:: Records to use
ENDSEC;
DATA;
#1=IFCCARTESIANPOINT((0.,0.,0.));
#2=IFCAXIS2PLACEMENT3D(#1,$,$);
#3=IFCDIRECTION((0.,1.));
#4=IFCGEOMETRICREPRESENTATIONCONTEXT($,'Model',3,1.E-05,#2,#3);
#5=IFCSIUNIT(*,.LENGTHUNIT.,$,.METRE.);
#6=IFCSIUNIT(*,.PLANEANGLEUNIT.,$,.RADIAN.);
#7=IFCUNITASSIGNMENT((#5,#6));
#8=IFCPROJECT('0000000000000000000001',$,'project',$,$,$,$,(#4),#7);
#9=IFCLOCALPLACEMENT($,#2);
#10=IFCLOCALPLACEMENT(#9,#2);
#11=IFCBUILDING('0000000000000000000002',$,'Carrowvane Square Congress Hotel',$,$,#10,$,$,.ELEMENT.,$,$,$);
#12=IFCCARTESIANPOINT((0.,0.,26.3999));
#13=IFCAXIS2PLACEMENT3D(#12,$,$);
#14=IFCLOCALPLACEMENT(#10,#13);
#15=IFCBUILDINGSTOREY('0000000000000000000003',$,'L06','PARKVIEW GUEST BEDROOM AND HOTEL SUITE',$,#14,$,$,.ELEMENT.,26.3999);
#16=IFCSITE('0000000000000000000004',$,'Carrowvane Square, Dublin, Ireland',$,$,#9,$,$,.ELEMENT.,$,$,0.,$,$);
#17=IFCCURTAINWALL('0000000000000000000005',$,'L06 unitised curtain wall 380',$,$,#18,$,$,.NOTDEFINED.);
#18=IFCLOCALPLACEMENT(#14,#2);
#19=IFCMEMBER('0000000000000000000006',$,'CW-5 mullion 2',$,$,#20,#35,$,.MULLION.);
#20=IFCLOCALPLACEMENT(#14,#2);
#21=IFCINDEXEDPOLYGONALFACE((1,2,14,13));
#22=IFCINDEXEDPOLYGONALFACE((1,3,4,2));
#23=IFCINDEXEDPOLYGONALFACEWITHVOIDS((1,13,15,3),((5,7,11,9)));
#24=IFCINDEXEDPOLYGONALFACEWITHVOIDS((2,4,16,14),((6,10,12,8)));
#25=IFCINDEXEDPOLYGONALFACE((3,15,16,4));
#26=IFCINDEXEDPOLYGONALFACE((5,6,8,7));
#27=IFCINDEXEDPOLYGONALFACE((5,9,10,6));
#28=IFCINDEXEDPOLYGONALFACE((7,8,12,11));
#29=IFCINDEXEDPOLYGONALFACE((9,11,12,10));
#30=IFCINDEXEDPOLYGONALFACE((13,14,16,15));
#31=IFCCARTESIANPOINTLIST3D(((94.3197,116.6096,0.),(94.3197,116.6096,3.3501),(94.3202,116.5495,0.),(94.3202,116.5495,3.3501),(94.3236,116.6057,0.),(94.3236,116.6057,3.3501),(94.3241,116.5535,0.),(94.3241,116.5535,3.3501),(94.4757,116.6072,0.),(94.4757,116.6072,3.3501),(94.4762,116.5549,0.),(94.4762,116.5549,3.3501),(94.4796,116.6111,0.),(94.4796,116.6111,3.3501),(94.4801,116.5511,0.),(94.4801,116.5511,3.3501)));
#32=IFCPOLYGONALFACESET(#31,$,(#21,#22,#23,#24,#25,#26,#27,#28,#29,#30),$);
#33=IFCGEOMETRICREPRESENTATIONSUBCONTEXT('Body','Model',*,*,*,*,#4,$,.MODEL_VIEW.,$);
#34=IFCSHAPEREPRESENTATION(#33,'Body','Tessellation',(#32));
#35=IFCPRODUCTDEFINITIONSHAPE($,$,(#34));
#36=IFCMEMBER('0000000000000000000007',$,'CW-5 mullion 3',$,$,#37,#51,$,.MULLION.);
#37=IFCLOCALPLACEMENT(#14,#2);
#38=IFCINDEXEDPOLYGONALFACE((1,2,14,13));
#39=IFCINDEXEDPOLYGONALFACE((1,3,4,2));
::::
Write down every line of the data exactly as it appears above.

:: Written reply ::
ENDSEC;
DATA;
#1=IFCCARTESIANPOINT((0.,0.,0.));
#2=IFCAXIS2PLACEMENT3D(#1,$,$);
#3=IFCDIRECTION((0.,1.));
#4=IFCGEOMETRICREPRESENTATIONCONTEXT($,'Model',3,1.E-05,#2,#3);
#5=IFCSIUNIT(*,.LENGTHUNIT.,$,.METRE.);
#6=IFCSIUNIT(*,.PLANEANGLEUNIT.,$,.RADIAN.);
#7=IFCUNITASSIGNMENT((#5,#6));
#8=IFCPROJECT('0000000000000000000001',$,'project',$,$,$,$,(#4),#7);
#9=IFCLOCALPLACEMENT($,#2);
#10=IFCLOCALPLACEMENT(#9,#2);
#11=IFCBUILDING('0000000000000000000002',$,'Carrowvane Square Congress Hotel',$,$,#10,$,$,.ELEMENT.,$,$,$);
#12=IFCCARTESIANPOINT((0.,0.,26.3999));
#13=IFCAXIS2PLACEMENT3D(#12,$,$);
#14=IFCLOCALPLACEMENT(#10,#13);
#15=IFCBUILDINGSTOREY('0000000000000000000003',$,'L06','PARKVIEW GUEST BEDROOM AND HOTEL SUITE',$,#14,$,$,.ELEMENT.,26.3999);
#16=IFCSITE('0000000000000000000004',$,'Carrowvane Square, Dublin, Ireland',$,$,#9,$,$,.ELEMENT.,$,$,0.,$,$);
#17=IFCCURTAINWALL('0000000000000000000005',$,'L06 unitised curtain wall 380',$,$,#18,$,$,.NOTDEFINED.);
#18=IFCLOCALPLACEMENT(#14,#2);
#19=IFCMEMBER('0000000000000000000006',$,'CW-5 mullion 2',$,$,#20,#35,$,.MULLION.);
#20=IFCLOCALPLACEMENT(#14,#2);
#21=IFCINDEXEDPOLYGONALFACE((1,2,14,13));
#22=IFCINDEXEDPOLYGONALFACE((1,3,4,2));
#23=IFCINDEXEDPOLYGONALFACEWITHVOIDS((1,13,15,3),((5,7,11,9)));
#24=IFCINDEXEDPOLYGONALFACEWITHVOIDS((2,4,16,14),((6,10,12,8)));
#25=IFCINDEXEDPOLYGONALFACE((3,15,16,4));
#26=IFCINDEXEDPOLYGONALFACE((5,6,8,7));
#27=IFCINDEXEDPOLYGONALFACE((5,9,10,6));
#28=IFCINDEXEDPOLYGONALFACE((7,8,12,11));
#29=IFCINDEXEDPOLYGONALFACE((9,11,12,10));
#30=IFCINDEXEDPOLYGONALFACE((13,14,16,15));
#31=IFCCARTESIANPOINTLIST3D(((94.3197,116.6096,0.),(94.3197,116.6096,3.3501),(94.3202,116.5495,0.),(94.3202,116.5495,3.3501),(94.3236,116.6057,0.),(94.3236,116.6057,3.3501),(94.3241,116.5535,0.),(94.3241,116.5535,3.3501),(94.4757,116.6072,0.),(94.4757,116.6072,3.3501),(94.4762,116.5549,0.),(94.4762,116.5549,3.3501),(94.4796,116.6111,0.),(94.4796,116.6111,3.3501),(94.4801,116.5511,0.),(94.4801,116.5511,3.3501)));
#32=IFCPOLYGONALFACESET(#31,$,(#21,#22,#23,#24,#25,#26,#27,#28,#29,#30),$);
#33=IFCGEOMETRICREPRESENTATIONSUBCONTEXT('Body','Model',*,*,*,*,#4,$,.MODEL_VIEW.,$);
#34=IFCSHAPEREPRESENTATION(#33,'Body','Tessellation',(#32));
#35=IFCPRODUCTDEFINITIONSHAPE($,$,(#34));
#36=IFCMEMBER('0000000000000000000007',$,'CW-5 mullion 3',$,$,#37,#51,$,.MULLION.);
#37=IFCLOCALPLACEMENT(#14,#2);
#38=IFCINDEXEDPOLYGONALFACE((1,2,14,13));
#39=IFCINDEXEDPOLYGONALFACE((1,3,4,2));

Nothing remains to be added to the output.